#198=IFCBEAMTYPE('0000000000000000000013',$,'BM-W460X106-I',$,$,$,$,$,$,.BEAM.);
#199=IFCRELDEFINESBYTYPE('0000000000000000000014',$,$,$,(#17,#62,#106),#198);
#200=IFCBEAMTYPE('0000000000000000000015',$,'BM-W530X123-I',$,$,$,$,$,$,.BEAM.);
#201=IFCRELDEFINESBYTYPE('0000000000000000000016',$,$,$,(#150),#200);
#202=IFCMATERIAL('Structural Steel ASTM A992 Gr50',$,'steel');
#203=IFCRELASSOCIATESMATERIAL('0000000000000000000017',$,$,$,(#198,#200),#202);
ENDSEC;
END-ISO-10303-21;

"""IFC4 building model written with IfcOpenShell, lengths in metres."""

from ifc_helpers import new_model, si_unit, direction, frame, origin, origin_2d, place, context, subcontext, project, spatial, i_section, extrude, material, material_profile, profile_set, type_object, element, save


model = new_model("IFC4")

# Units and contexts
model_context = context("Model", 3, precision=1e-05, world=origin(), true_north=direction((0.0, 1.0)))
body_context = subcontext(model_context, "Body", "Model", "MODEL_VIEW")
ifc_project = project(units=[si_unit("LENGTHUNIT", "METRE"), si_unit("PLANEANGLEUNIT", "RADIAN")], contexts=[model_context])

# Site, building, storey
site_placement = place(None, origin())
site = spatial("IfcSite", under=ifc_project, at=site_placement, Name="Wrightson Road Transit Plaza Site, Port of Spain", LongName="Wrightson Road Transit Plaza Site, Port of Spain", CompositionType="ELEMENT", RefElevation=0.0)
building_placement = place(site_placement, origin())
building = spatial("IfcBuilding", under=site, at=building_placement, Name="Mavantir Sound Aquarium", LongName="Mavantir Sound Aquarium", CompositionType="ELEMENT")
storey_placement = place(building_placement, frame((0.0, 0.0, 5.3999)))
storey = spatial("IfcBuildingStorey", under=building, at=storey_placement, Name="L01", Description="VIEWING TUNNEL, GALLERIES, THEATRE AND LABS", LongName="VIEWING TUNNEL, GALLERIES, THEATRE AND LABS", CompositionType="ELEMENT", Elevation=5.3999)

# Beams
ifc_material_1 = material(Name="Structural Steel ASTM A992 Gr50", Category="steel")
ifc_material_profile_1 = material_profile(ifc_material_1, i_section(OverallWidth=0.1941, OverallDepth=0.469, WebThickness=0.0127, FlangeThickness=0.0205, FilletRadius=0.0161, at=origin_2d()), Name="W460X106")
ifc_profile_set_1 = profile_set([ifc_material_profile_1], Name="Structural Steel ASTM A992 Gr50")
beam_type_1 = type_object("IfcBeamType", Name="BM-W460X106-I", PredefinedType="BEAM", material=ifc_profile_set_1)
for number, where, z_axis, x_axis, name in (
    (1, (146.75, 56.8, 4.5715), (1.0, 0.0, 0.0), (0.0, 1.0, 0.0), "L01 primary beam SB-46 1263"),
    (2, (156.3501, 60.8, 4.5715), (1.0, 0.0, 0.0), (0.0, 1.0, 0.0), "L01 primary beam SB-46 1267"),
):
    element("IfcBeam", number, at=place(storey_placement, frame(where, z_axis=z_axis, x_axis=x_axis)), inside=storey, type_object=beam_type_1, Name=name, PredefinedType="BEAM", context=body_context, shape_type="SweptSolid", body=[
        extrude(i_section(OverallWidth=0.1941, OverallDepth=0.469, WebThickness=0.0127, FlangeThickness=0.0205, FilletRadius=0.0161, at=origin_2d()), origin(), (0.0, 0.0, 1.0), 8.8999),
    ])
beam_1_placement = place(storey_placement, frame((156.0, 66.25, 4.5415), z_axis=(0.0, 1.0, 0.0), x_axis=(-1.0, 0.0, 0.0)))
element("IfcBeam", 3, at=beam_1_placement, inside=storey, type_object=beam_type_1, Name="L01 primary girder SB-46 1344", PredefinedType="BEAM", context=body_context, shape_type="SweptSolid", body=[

[Assigned task]:
Print each line of the data exactly as it was written.

[Response for this exercise]:
#198=IFCBEAMTYPE('0000000000000000000013',$,'BM-W460X106-I',$,$,$,$,$,$,.BEAM.);
#199=IFCRELDEFINESBYTYPE('0000000000000000000014',$,$,$,(#17,#62,#106),#198);
#200=IFCBEAMTYPE('0000000000000000000015',$,'BM-W530X123-I',$,$,$,$,$,$,.BEAM.);
#201=IFCRELDEFINESBYTYPE('0000000000000000000016',$,$,$,(#150),#200);
#202=IFCMATERIAL('Structural Steel ASTM A992 Gr50',$,'steel');
#203=IFCRELASSOCIATESMATERIAL('0000000000000000000017',$,$,$,(#198,#200),#202);
ENDSEC;
END-ISO-10303-21;

"""IFC4 building model written with IfcOpenShell, lengths in metres."""

from ifc_helpers import new_model, si_unit, direction, frame, origin, origin_2d, place, context, subcontext, project, spatial, i_section, extrude, material, material_profile, profile_set, type_object, element, save


model = new_model("IFC4")

# Units and contexts
model_context = context("Model", 3, precision=1e-05, world=origin(), true_north=direction((0.0, 1.0)))
body_context = subcontext(model_context, "Body", "Model", "MODEL_VIEW")
ifc_project = project(units=[si_unit("LENGTHUNIT", "METRE"), si_unit("PLANEANGLEUNIT", "RADIAN")], contexts=[model_context])

# Site, building, storey
site_placement = place(None, origin())
site = spatial("IfcSite", under=ifc_project, at=site_placement, Name="Wrightson Road Transit Plaza Site, Port of Spain", LongName="Wrightson Road Transit Plaza Site, Port of Spain", CompositionType="ELEMENT", RefElevation=0.0)
building_placement = place(site_placement, origin())
building = spatial("IfcBuilding", under=site, at=building_placement, Name="Mavantir Sound Aquarium", LongName="Mavantir Sound Aquarium", CompositionType="ELEMENT")
storey_placement = place(building_placement, frame((0.0, 0.0, 5.3999)))
storey = spatial("IfcBuildingStorey", under=building, at=storey_placement, Name="L01", Description="VIEWING TUNNEL, GALLERIES, THEATRE AND LABS", LongName="VIEWING TUNNEL, GALLERIES, THEATRE AND LABS", CompositionType="ELEMENT", Elevation=5.3999)

# Beams
ifc_material_1 = material(Name="Structural Steel ASTM A992 Gr50", Category="steel")
ifc_material_profile_1 = material_profile(ifc_material_1, i_section(OverallWidth=0.1941, OverallDepth=0.469, WebThickness=0.0127, FlangeThickness=0.0205, FilletRadius=0.0161, at=origin_2d()), Name="W460X106")
ifc_profile_set_1 = profile_set([ifc_material_profile_1], Name="Structural Steel ASTM A992 Gr50")
beam_type_1 = type_object("IfcBeamType", Name="BM-W460X106-I", PredefinedType="BEAM", material=ifc_profile_set_1)
for number, where, z_axis, x_axis, name in (
    (1, (146.75, 56.8, 4.5715), (1.0, 0.0, 0.0), (0.0, 1.0, 0.0), "L01 primary beam SB-46 1263"),
    (2, (156.3501, 60.8, 4.5715), (1.0, 0.0, 0.0), (0.0, 1.0, 0.0), "L01 primary beam SB-46 1267"),
):
    element("IfcBeam", number, at=place(storey_placement, frame(where, z_axis=z_axis, x_axis=x_axis)), inside=storey, type_object=beam_type_1, Name=name, PredefinedType="BEAM", context=body_context, shape_type="SweptSolid", body=[
        extrude(i_section(OverallWidth=0.1941, OverallDepth=0.469, WebThickness=0.0127, FlangeThickness=0.0205, FilletRadius=0.0161, at=origin_2d()), origin(), (0.0, 0.0, 1.0), 8.8999),
    ])
beam_1_placement = place(storey_placement, frame((156.0, 66.25, 4.5415), z_axis=(0.0, 1.0, 0.0), x_axis=(-1.0, 0.0, 0.0)))
element("IfcBeam", 3, at=beam_1_placement, inside=storey, type_object=beam_type_1, Name="L01 primary girder SB-46 1344", PredefinedType="BEAM", context=body_context, shape_type="SweptSolid", body=[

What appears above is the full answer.